* Source material
########################################
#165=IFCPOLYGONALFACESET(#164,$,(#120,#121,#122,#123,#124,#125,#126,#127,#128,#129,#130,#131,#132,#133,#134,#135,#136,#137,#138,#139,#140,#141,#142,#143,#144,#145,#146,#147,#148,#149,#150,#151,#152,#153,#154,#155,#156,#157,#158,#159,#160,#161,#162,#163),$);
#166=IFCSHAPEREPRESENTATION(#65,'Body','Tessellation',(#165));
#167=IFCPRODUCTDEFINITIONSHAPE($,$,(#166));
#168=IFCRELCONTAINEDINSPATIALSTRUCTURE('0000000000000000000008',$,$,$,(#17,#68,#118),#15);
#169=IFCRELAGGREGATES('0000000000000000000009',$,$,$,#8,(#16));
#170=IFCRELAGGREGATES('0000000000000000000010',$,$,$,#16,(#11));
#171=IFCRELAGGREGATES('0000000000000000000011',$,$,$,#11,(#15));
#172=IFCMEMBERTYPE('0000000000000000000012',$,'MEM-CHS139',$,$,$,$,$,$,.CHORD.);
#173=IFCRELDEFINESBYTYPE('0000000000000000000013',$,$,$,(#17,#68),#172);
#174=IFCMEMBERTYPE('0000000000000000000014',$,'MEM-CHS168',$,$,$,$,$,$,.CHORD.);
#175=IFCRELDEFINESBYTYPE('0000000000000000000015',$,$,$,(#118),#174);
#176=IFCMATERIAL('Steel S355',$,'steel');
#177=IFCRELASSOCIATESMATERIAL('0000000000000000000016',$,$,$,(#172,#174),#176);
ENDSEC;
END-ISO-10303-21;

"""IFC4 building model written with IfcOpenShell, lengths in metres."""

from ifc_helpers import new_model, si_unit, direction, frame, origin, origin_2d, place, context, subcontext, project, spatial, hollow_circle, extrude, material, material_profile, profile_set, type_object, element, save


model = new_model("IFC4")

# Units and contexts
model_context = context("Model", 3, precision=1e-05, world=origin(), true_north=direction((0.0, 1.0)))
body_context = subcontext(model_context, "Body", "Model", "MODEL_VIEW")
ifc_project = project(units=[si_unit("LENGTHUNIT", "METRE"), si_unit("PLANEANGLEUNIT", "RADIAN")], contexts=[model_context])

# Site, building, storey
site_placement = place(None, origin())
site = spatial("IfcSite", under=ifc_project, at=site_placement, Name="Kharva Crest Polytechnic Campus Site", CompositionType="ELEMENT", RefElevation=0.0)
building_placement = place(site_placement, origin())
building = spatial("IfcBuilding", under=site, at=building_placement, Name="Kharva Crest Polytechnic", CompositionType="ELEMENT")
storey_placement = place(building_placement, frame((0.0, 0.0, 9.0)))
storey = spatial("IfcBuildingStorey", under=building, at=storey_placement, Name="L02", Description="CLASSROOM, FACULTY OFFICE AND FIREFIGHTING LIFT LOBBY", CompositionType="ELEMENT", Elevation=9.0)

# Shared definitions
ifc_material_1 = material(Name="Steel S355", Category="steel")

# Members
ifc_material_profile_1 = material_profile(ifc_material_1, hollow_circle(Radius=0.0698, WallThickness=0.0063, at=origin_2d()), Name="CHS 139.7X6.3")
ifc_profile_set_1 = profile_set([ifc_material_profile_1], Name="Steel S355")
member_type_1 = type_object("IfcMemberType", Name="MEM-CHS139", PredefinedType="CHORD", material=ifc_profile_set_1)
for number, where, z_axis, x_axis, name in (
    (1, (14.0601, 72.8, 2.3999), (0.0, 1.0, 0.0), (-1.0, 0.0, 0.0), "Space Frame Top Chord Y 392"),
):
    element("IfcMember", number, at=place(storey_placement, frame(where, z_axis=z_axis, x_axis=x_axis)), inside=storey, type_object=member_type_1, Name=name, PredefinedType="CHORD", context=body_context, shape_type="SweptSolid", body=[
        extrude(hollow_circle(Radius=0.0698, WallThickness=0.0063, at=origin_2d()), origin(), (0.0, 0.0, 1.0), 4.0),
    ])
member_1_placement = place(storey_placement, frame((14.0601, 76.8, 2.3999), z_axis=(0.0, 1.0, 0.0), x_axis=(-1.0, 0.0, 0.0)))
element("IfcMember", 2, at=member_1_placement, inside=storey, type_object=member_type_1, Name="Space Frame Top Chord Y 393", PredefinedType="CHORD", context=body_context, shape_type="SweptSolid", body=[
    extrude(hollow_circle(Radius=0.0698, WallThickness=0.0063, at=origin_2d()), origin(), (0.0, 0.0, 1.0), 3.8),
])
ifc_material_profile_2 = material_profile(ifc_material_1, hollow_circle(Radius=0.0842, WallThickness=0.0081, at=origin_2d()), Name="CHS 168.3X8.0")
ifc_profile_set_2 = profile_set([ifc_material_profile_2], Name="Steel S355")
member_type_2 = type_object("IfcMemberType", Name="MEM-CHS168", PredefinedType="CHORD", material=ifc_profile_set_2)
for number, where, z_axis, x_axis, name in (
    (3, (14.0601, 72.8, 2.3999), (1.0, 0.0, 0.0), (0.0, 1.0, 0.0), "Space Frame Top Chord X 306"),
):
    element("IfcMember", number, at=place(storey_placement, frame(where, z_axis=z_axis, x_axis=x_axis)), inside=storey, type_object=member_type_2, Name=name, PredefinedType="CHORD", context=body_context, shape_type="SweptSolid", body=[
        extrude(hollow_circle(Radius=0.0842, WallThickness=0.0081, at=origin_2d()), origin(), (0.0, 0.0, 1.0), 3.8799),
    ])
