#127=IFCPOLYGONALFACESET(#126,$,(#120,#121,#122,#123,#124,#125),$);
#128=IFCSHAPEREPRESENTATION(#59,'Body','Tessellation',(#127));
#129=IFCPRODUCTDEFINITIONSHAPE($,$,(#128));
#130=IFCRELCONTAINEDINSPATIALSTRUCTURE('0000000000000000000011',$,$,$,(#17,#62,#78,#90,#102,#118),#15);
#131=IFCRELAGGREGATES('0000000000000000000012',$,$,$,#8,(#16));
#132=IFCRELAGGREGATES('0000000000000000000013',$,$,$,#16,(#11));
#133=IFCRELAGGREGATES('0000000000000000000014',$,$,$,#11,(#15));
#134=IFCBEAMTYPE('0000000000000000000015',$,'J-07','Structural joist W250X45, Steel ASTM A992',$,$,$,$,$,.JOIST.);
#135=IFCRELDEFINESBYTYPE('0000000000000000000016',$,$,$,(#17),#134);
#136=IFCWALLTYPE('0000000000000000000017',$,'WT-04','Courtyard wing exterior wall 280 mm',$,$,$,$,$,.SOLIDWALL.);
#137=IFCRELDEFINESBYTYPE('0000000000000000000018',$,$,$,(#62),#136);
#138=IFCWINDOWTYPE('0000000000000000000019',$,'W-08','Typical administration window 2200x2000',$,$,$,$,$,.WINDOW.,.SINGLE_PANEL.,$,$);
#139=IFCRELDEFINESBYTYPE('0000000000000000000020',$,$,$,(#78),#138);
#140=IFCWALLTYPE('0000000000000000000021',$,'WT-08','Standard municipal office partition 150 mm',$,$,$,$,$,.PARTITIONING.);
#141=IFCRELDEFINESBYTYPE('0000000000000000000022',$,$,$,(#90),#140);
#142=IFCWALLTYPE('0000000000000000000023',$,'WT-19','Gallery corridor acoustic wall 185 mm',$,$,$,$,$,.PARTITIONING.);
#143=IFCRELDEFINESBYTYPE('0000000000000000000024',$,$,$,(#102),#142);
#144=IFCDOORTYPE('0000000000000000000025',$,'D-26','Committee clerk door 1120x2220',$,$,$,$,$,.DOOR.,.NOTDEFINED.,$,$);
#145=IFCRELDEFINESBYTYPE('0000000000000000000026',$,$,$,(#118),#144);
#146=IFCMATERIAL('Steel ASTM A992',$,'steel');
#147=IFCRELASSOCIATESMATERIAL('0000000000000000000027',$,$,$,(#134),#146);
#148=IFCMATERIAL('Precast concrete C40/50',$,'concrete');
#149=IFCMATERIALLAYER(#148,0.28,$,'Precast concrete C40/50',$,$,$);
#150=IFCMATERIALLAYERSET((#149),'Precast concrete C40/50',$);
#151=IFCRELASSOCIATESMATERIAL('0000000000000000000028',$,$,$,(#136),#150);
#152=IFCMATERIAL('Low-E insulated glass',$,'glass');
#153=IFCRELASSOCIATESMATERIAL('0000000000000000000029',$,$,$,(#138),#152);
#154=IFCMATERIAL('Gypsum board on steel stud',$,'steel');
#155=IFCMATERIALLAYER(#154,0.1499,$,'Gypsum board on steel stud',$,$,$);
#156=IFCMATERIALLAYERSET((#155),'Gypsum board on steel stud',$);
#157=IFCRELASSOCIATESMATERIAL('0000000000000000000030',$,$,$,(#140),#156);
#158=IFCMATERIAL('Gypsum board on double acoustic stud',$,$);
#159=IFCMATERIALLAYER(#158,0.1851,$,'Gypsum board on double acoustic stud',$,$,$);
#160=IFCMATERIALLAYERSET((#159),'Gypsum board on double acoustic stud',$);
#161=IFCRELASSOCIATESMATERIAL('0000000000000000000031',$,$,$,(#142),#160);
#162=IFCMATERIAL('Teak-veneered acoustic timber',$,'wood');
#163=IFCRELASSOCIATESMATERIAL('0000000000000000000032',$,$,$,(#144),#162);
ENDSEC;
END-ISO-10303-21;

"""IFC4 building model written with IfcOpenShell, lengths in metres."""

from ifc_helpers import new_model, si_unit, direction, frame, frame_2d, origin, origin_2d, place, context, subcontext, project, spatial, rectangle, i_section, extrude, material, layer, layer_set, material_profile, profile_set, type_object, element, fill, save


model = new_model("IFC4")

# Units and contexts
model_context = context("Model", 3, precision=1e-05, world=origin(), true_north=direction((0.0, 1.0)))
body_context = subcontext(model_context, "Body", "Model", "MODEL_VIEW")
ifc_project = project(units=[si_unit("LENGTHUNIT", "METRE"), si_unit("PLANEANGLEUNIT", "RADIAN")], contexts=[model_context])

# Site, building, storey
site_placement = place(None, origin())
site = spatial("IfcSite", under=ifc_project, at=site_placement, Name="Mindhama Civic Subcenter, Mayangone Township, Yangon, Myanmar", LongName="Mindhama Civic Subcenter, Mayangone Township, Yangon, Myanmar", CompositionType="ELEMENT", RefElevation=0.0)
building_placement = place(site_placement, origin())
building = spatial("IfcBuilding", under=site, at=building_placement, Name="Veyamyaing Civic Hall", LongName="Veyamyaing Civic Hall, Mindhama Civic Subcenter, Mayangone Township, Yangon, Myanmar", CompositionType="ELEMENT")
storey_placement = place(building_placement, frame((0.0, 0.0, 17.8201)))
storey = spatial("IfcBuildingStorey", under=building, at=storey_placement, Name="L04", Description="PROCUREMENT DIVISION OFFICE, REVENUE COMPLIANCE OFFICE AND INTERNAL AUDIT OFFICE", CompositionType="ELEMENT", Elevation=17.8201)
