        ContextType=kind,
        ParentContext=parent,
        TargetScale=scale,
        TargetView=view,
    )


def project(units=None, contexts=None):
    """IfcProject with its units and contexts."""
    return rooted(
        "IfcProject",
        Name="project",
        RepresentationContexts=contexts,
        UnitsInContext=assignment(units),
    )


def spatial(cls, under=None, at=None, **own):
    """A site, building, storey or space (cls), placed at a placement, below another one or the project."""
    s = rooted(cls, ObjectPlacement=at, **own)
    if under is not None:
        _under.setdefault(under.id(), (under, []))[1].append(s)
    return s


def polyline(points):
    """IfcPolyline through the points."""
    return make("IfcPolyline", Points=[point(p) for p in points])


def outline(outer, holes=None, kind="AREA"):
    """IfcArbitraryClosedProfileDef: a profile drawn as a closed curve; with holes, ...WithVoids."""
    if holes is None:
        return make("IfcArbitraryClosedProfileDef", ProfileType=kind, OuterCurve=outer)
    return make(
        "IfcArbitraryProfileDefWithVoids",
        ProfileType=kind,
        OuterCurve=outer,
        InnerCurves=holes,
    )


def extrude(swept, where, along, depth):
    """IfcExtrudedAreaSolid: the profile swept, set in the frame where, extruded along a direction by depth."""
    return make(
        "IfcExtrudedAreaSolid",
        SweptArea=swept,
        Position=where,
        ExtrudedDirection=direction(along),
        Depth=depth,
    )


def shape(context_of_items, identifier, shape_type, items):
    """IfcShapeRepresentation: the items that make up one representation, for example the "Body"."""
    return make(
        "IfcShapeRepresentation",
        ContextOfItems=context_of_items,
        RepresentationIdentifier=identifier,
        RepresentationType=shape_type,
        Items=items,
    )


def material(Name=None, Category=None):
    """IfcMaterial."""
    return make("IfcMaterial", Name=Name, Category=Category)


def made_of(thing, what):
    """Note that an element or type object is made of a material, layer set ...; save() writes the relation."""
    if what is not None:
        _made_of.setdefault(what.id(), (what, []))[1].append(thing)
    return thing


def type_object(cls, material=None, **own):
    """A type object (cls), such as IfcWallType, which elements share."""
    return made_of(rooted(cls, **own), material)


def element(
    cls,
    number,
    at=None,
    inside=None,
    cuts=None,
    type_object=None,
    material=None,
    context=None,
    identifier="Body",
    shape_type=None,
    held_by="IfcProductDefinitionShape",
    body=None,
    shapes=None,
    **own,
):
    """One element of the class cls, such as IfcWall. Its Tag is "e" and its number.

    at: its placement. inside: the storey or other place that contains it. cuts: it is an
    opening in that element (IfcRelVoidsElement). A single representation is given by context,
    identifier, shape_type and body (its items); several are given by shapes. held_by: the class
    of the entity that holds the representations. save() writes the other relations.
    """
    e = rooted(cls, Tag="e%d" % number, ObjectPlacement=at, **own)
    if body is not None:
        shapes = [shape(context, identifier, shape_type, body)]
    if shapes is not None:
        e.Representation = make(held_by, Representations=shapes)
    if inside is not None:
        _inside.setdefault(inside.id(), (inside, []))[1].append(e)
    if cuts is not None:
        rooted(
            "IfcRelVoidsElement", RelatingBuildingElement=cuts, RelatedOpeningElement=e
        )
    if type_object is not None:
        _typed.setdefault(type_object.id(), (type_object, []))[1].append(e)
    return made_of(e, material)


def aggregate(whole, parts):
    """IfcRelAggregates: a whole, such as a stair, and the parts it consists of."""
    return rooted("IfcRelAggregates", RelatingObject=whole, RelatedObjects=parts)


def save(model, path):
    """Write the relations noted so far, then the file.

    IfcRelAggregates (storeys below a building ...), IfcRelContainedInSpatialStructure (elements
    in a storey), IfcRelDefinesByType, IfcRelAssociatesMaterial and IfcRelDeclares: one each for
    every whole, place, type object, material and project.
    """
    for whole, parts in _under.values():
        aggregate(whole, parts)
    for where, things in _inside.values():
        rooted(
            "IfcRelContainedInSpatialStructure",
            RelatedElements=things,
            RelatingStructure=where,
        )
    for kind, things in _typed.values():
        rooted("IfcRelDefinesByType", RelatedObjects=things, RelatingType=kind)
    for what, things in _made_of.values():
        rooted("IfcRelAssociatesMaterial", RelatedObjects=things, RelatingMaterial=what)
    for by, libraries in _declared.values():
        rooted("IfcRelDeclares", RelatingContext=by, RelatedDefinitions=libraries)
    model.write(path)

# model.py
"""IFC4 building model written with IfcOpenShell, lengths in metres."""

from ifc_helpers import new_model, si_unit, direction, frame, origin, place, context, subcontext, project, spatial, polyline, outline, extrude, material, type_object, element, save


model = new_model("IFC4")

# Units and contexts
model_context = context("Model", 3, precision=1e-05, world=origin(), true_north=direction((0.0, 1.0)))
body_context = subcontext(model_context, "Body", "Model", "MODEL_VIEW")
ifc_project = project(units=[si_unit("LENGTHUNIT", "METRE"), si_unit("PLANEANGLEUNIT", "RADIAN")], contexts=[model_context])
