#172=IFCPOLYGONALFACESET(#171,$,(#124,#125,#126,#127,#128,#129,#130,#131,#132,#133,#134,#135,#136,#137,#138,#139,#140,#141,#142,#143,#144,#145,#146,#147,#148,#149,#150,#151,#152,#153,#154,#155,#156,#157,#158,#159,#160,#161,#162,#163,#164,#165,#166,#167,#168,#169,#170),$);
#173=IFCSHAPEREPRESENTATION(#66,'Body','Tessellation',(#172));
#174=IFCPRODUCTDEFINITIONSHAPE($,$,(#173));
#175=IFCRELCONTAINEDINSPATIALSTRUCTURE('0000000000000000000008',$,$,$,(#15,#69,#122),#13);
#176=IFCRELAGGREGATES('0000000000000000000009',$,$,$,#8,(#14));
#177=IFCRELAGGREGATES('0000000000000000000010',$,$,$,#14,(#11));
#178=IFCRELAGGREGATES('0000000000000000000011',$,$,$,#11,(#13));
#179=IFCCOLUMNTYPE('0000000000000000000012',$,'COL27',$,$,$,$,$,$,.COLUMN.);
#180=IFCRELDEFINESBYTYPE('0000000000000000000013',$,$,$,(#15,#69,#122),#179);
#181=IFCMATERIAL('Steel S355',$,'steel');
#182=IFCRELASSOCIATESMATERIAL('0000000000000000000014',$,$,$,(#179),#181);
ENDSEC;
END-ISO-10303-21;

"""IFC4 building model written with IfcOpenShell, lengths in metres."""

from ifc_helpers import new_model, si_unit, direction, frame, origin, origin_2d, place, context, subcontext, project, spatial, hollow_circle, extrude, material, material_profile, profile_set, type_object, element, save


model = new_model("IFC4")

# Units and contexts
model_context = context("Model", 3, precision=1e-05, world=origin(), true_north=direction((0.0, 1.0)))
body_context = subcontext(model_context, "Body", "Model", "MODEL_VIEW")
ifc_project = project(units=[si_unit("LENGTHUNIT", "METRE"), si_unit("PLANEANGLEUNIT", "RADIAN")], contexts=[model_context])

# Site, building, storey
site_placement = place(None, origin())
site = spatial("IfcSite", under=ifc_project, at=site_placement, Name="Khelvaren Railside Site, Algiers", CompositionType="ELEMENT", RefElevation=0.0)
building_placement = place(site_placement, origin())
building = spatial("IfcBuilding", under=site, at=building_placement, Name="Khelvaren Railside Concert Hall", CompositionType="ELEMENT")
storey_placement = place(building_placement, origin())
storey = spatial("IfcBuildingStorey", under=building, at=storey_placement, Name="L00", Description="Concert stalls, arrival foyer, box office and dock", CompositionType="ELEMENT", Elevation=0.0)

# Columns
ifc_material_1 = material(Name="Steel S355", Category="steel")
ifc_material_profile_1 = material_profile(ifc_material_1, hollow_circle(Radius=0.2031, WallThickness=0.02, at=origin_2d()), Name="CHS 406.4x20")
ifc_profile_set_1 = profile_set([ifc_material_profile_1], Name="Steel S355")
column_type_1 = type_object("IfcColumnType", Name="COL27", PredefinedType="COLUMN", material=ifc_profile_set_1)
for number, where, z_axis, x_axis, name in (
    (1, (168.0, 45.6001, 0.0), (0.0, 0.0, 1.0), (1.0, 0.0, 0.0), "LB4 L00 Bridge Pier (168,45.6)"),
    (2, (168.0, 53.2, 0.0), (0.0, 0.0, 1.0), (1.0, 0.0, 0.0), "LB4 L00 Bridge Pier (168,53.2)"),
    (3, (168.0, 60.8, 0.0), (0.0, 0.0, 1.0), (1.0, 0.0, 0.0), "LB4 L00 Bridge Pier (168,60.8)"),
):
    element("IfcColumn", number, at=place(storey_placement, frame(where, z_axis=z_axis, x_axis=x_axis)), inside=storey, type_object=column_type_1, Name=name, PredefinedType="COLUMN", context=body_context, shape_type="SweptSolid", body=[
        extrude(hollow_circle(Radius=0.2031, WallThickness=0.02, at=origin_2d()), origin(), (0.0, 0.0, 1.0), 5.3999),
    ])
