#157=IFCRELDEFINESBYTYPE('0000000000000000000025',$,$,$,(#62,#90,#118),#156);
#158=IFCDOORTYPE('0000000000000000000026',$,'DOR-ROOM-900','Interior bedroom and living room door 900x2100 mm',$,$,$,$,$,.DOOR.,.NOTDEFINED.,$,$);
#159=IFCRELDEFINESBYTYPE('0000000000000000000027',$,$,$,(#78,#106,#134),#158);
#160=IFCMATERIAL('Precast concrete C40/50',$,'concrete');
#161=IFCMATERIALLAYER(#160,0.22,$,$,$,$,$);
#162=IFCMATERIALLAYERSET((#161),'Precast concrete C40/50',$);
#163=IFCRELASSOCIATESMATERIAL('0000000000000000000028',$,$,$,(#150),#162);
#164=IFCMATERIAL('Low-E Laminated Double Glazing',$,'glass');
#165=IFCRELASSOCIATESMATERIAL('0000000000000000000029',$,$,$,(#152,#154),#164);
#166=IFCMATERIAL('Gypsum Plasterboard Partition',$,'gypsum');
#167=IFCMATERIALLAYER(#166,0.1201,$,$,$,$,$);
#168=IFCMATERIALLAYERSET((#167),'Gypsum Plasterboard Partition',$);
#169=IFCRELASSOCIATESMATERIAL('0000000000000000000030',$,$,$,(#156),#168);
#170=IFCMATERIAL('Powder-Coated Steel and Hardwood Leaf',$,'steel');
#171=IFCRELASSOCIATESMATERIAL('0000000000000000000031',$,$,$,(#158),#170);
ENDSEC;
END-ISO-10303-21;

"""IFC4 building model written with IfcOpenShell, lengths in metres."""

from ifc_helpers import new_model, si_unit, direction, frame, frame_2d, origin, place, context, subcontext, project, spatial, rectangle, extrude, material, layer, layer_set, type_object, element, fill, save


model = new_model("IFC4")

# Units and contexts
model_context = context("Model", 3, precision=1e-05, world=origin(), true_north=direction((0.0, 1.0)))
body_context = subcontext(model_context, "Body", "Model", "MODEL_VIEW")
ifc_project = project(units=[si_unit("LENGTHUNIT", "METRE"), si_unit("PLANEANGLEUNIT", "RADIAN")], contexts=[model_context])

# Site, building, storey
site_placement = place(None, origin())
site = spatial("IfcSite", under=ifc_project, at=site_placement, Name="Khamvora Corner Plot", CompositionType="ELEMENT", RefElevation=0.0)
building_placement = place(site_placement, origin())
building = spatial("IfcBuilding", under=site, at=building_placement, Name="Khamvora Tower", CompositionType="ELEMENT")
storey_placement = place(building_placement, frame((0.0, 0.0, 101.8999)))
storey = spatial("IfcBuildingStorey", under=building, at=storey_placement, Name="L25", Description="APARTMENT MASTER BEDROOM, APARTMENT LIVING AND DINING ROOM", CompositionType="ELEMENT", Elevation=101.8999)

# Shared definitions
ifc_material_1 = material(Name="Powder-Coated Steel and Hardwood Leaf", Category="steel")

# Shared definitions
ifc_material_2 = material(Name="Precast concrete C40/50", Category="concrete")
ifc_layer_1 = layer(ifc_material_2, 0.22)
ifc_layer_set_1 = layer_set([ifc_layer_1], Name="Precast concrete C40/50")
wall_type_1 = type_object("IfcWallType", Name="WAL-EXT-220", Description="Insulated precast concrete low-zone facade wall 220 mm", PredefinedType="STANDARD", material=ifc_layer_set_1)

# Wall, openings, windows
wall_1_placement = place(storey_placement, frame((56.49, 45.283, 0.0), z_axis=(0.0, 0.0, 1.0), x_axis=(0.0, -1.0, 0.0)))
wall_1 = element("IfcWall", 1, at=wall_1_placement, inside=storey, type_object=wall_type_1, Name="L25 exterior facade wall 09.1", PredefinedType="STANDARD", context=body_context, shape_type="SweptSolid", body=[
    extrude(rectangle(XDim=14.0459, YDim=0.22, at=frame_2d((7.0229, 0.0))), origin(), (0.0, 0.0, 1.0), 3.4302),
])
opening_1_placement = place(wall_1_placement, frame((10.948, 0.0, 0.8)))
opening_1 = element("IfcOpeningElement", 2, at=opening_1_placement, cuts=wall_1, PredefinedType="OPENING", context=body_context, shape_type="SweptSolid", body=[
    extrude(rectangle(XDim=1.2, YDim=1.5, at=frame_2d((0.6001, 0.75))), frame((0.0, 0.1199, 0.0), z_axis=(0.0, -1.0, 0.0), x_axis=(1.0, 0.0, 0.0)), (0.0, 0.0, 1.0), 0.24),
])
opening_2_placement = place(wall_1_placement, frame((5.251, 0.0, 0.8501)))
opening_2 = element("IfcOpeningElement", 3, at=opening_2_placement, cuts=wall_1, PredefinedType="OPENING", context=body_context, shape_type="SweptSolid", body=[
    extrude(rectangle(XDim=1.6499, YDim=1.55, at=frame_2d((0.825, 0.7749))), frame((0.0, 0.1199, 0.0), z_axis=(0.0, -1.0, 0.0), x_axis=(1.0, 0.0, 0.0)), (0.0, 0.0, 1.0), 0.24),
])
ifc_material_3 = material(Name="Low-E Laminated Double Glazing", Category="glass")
########################################
* About this exercise
Tally the lines above that hold "setdefault" and write the result as a lone number.

* Your solution
4